INSTRUCTIONS FOR THE TASK: The number of lines containing "IFCGEOMETRICREPRESENTATIONSUBCONTEXT" is the only answer wanted; work it out from the entries below.

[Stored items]
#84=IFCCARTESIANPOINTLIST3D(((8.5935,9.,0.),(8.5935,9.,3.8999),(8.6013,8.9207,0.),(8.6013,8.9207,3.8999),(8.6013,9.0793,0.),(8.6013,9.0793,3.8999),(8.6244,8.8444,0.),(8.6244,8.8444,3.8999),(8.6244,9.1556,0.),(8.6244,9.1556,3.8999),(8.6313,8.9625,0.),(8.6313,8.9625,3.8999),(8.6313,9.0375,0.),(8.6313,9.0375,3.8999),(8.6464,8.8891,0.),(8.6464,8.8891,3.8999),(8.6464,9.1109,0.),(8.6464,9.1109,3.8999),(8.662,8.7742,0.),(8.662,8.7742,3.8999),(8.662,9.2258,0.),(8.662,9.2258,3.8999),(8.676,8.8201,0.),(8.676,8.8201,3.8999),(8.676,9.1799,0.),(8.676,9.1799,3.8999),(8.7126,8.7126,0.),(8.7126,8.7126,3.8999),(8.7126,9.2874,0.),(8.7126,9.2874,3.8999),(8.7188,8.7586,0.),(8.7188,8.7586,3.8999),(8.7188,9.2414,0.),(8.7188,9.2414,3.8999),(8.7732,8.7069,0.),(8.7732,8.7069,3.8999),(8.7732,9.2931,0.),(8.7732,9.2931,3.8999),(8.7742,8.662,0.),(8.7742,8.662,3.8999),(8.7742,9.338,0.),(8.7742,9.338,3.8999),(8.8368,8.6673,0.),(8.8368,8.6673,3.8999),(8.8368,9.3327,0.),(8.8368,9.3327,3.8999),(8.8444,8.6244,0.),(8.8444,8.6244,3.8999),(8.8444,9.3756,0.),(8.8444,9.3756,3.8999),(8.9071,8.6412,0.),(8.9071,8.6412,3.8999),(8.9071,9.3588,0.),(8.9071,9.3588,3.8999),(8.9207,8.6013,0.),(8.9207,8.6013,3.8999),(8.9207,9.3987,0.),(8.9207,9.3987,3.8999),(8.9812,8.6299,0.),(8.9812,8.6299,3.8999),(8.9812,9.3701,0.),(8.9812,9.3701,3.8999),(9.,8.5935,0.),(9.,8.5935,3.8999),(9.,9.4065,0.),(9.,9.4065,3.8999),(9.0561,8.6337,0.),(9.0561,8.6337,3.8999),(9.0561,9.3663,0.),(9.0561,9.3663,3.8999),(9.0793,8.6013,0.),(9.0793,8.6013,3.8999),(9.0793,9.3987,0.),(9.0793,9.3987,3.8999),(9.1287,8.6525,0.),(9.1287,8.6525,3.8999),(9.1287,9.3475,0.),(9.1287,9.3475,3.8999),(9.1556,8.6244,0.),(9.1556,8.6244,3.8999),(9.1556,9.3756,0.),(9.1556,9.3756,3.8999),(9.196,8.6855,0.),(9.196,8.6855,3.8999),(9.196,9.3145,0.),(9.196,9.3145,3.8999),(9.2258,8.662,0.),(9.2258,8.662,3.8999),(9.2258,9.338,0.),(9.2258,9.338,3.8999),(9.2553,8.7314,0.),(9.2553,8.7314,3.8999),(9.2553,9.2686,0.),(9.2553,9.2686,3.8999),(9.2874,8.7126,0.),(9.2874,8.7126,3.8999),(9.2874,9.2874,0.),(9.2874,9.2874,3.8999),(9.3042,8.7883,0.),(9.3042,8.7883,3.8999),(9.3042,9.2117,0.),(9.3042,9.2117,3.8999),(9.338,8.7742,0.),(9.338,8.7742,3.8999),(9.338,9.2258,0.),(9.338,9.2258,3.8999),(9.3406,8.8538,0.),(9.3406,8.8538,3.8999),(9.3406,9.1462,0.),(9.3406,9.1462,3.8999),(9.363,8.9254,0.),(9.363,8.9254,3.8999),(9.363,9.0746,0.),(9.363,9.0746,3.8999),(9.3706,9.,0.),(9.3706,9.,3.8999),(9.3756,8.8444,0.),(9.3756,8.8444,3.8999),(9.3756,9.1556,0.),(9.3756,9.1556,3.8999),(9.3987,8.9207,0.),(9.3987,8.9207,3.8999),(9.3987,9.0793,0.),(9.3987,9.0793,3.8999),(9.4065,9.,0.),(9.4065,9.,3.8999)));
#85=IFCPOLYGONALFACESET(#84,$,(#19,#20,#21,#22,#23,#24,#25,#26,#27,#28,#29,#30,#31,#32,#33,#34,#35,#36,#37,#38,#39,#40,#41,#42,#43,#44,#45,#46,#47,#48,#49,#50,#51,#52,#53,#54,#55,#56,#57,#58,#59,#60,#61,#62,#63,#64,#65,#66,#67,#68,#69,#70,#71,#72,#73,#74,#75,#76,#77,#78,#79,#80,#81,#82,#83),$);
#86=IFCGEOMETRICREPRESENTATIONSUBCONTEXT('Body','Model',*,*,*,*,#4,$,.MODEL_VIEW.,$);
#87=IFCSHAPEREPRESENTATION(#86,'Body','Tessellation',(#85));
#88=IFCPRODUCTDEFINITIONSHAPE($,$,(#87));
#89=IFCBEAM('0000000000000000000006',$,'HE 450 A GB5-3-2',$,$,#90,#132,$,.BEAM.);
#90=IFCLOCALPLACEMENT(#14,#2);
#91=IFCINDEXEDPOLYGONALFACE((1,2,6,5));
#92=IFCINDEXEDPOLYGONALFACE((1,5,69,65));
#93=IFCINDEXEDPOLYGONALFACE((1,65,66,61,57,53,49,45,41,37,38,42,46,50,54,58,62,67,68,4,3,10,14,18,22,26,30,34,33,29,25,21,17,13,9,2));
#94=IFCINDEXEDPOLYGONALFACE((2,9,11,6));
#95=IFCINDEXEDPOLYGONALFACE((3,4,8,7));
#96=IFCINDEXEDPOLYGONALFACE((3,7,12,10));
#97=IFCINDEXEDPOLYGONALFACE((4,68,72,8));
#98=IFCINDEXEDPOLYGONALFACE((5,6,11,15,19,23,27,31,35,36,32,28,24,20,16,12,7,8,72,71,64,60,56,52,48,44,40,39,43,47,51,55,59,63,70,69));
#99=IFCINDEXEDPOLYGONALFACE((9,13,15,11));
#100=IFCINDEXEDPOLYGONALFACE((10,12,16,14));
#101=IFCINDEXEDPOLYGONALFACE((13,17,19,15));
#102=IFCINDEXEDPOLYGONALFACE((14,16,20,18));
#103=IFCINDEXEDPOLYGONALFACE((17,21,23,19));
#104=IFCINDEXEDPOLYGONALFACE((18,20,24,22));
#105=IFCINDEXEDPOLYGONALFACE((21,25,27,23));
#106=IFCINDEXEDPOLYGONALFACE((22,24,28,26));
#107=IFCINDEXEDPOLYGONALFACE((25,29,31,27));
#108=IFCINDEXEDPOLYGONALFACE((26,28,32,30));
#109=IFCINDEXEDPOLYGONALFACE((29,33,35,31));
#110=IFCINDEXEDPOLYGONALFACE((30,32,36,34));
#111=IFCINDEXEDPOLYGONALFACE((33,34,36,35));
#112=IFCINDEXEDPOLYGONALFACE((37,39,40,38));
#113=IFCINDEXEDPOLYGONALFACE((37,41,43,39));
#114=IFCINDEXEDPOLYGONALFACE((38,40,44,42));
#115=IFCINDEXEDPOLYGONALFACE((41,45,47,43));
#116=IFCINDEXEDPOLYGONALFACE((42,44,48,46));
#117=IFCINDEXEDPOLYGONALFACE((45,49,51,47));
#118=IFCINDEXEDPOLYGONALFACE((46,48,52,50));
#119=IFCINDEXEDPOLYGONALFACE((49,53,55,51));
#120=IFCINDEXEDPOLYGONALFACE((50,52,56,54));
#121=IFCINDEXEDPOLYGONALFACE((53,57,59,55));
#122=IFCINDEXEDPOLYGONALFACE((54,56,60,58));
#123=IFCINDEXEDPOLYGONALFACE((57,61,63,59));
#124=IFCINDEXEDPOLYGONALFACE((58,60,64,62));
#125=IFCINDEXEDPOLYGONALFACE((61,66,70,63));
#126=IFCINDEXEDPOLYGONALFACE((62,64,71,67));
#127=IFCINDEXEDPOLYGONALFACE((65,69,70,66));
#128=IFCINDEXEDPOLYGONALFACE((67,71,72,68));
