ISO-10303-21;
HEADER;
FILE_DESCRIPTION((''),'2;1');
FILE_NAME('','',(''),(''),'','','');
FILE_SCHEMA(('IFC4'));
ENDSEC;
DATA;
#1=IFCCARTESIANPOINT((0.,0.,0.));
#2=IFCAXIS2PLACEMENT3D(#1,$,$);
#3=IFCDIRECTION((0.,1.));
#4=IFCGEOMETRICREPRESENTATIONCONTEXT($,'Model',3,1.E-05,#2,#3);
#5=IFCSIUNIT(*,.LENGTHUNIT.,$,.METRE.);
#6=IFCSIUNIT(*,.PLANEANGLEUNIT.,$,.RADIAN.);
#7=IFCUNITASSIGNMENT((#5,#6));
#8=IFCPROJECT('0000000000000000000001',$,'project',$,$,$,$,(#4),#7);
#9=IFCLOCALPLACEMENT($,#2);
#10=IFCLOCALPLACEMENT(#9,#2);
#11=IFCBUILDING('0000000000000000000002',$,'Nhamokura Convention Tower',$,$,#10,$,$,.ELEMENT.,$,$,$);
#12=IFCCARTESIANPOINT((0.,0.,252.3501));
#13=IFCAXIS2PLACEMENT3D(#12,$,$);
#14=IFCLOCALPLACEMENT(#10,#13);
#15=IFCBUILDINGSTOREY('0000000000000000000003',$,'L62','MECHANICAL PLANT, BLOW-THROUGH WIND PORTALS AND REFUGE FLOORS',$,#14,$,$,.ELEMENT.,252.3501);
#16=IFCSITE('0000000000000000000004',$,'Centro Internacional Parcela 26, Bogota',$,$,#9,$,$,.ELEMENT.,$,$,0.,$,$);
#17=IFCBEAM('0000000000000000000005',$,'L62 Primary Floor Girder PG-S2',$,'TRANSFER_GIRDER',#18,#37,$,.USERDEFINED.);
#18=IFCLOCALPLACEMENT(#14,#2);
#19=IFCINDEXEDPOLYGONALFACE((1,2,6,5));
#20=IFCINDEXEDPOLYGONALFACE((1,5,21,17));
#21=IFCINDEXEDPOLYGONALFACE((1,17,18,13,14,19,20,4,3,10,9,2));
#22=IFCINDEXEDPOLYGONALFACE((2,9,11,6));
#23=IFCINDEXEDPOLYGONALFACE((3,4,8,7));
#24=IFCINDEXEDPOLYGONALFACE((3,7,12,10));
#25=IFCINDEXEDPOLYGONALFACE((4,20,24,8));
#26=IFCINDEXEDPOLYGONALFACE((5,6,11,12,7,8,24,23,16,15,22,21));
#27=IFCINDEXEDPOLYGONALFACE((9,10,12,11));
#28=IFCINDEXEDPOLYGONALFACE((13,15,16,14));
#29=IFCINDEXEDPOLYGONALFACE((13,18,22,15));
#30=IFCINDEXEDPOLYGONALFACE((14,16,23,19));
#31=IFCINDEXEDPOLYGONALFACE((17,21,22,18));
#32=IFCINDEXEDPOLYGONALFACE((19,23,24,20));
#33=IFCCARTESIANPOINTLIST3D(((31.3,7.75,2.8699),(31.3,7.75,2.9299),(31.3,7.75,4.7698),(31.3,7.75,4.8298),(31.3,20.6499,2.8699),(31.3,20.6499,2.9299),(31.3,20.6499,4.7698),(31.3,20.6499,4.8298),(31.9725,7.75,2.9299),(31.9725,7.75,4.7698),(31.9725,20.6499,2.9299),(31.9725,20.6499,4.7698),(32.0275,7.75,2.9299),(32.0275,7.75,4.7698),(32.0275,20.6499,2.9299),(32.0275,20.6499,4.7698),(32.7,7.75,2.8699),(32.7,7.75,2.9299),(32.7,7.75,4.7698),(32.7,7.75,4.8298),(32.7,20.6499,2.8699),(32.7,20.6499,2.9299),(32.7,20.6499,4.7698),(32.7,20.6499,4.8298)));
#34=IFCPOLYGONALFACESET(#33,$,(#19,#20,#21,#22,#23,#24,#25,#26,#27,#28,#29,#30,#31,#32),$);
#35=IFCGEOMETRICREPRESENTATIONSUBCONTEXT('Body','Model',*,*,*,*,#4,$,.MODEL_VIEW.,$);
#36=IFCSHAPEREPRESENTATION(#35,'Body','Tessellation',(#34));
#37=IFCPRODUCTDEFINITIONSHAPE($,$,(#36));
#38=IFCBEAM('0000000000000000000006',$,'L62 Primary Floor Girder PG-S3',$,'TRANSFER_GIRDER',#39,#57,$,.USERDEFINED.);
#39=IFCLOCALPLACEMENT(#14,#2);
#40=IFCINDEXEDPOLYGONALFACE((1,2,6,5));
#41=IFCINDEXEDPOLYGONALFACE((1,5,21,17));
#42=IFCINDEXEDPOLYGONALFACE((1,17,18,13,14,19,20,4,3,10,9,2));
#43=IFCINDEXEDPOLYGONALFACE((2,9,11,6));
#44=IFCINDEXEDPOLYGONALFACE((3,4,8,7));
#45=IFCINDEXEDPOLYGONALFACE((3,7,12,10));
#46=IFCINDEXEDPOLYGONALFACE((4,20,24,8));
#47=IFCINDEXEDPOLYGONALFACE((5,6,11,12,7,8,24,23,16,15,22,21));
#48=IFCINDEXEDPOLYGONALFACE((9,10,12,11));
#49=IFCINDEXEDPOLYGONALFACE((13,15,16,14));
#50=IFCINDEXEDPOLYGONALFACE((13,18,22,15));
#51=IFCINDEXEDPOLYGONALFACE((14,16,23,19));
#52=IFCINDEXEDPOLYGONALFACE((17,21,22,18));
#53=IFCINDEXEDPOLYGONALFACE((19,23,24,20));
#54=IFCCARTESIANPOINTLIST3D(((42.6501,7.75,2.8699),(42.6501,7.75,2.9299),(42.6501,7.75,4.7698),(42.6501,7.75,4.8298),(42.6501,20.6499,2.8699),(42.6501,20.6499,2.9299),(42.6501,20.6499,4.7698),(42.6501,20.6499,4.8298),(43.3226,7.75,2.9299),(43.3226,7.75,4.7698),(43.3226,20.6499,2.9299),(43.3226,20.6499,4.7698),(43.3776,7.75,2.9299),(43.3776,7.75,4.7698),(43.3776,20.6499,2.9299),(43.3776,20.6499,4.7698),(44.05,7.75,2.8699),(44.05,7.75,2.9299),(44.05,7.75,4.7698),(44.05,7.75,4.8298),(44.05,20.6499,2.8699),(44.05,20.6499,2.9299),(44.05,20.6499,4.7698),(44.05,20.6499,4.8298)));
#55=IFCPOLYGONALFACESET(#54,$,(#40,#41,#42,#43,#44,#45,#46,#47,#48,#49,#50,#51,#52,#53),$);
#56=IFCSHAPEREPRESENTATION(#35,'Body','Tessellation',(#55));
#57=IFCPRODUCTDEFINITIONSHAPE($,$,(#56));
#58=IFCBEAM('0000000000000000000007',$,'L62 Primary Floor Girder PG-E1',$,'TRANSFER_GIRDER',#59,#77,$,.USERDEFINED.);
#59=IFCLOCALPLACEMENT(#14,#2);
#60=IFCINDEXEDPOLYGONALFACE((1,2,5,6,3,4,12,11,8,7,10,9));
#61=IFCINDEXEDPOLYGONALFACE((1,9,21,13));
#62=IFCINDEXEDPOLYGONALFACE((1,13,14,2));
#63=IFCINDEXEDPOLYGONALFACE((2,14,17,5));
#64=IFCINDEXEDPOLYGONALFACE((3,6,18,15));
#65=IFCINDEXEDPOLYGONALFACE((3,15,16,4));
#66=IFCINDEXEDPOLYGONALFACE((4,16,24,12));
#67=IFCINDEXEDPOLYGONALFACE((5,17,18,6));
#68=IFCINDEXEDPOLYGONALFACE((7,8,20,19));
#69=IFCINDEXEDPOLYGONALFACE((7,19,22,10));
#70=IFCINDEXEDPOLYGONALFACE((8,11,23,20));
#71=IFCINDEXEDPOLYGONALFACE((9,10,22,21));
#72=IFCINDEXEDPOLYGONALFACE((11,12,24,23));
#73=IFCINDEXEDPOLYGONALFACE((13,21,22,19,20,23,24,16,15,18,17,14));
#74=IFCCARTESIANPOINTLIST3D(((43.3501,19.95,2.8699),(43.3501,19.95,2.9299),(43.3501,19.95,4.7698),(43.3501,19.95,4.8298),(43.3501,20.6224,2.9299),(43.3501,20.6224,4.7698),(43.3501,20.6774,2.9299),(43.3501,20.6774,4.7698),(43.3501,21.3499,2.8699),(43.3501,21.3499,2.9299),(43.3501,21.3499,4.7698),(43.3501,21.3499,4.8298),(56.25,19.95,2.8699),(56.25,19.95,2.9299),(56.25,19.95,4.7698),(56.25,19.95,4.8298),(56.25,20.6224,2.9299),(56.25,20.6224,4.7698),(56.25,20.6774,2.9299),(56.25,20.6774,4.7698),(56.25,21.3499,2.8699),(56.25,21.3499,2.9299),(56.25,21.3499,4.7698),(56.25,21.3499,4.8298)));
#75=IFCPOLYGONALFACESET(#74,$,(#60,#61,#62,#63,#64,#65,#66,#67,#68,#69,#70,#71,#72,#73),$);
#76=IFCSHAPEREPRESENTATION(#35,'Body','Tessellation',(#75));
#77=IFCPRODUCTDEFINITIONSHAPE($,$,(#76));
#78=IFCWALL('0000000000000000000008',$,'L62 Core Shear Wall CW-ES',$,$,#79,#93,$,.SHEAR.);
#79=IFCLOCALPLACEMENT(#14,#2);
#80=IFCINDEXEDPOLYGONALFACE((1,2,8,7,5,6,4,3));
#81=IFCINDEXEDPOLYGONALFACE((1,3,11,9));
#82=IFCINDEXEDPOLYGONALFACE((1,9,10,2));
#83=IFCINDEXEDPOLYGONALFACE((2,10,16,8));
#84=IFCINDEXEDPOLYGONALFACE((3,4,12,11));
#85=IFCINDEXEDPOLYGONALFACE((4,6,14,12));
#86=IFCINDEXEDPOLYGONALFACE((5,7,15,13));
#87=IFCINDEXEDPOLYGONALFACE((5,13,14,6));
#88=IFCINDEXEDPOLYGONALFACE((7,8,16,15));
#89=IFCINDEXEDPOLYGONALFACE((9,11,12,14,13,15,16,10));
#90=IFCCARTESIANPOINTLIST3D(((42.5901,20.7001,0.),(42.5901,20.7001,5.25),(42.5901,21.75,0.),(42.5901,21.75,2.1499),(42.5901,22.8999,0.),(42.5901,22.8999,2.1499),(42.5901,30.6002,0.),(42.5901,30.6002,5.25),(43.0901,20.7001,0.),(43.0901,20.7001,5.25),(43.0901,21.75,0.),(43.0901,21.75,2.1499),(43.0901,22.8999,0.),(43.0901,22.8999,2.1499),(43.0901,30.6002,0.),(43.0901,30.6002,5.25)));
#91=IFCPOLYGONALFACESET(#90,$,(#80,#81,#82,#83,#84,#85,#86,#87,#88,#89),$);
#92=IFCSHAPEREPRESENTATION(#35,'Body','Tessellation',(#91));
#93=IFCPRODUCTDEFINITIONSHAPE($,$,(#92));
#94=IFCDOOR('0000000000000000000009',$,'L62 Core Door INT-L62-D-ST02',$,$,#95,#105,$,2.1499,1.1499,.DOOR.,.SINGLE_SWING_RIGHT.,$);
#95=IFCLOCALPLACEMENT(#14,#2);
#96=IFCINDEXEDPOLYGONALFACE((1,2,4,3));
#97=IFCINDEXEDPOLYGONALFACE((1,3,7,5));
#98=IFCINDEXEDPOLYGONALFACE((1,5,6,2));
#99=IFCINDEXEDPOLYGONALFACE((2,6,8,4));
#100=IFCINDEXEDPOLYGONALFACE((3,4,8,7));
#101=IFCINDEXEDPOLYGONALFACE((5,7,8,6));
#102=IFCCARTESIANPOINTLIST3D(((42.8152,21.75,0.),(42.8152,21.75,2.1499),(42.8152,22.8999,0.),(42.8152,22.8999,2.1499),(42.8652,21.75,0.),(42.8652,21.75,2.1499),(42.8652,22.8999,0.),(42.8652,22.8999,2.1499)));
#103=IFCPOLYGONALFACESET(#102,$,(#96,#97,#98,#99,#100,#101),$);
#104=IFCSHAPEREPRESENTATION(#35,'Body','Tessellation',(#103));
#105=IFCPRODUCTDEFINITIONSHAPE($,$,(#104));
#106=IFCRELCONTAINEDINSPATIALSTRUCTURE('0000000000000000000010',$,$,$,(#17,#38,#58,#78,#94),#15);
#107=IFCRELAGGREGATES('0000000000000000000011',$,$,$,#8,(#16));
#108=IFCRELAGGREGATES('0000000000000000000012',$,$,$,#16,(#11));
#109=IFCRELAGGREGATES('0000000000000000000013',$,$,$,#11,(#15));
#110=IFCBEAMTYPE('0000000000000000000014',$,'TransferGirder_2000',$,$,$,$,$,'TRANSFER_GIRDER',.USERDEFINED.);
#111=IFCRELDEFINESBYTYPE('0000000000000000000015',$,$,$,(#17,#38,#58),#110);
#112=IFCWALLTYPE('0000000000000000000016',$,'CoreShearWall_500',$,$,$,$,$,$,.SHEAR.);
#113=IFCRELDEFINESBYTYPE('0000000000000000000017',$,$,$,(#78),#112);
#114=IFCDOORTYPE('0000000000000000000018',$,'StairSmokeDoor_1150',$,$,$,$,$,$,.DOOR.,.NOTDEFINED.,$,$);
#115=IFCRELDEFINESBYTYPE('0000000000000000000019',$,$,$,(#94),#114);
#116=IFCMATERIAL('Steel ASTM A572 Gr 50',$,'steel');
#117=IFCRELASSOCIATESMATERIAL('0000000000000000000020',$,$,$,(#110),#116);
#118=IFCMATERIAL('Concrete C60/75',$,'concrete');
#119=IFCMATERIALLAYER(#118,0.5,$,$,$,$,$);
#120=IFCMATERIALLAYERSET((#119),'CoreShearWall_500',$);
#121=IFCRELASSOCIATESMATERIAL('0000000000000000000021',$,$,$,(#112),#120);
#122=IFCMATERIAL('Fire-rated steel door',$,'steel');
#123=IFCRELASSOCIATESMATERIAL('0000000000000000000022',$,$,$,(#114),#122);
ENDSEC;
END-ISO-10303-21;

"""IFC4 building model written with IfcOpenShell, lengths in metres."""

from ifc_helpers import new_model, si_unit, direction, frame, frame_2d, origin, origin_2d, place, context, subcontext, project, spatial, rectangle, i_section, extrude, material, layer, layer_set, material_profile, profile_set, type_object, element, fill, save


model = new_model("IFC4")

# Units and contexts
model_context = context("Model", 3, precision=1e-05, world=origin(), true_north=direction((0.0, 1.0)))
body_context = subcontext(model_context, "Body", "Model", "MODEL_VIEW")
ifc_project = project(units=[si_unit("LENGTHUNIT", "METRE"), si_unit("PLANEANGLEUNIT", "RADIAN")], contexts=[model_context])

# Site, building, storey
site_placement = place(None, origin())
site = spatial("IfcSite", under=ifc_project, at=site_placement, Name="Centro Internacional Parcela 26, Bogota", CompositionType="ELEMENT", RefElevation=0.0)
building_placement = place(site_placement, origin())
building = spatial("IfcBuilding", under=site, at=building_placement, Name="Nhamokura Convention Tower", CompositionType="ELEMENT")
storey_placement = place(building_placement, frame((0.0, 0.0, 252.3501)))
storey = spatial("IfcBuildingStorey", under=building, at=storey_placement, Name="L62", Description="MECHANICAL PLANT, BLOW-THROUGH WIND PORTALS AND REFUGE FLOORS", CompositionType="ELEMENT", Elevation=252.3501)

# Beams
ifc_material_1 = material(Name="Steel ASTM A572 Gr 50", Category="steel")
ifc_material_profile_1 = material_profile(ifc_material_1, i_section(OverallWidth=1.3999, OverallDepth=1.96, WebThickness=0.0549, FlangeThickness=0.0601, at=origin_2d()))
ifc_profile_set_1 = profile_set([ifc_material_profile_1], Name="Steel ASTM A572 Gr 50")
beam_type_1 = type_object("IfcBeamType", Name="TransferGirder_2000", ElementType="TRANSFER_GIRDER", PredefinedType="USERDEFINED", material=ifc_profile_set_1)
for number, where, z_axis, x_axis, name in (
    (1, (32.0, 7.75, 3.8499), (0.0, 1.0, 0.0), (-1.0, 0.0, 0.0), "L62 Primary Floor Girder PG-S2"),
    (2, (43.3501, 7.75, 3.8499), (0.0, 1.0, 0.0), (-1.0, 0.0, 0.0), "L62 Primary Floor Girder PG-S3"),
    (3, (43.3501, 20.6499, 3.8499), (1.0, 0.0, 0.0), (0.0, 1.0, 0.0), "L62 Primary Floor Girder PG-E1"),
):
    element("IfcBeam", number, at=place(storey_placement, frame(where, z_axis=z_axis, x_axis=x_axis)), inside=storey, type_object=beam_type_1, Name=name, ObjectType="TRANSFER_GIRDER", PredefinedType="USERDEFINED", context=body_context, shape_type="SweptSolid", body=[
        extrude(i_section(OverallWidth=1.3999, OverallDepth=1.96, WebThickness=0.0549, FlangeThickness=0.0601, at=origin_2d()), origin(), (0.0, 0.0, 1.0), 12.8999),
    ])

RESPONSE BOX: 2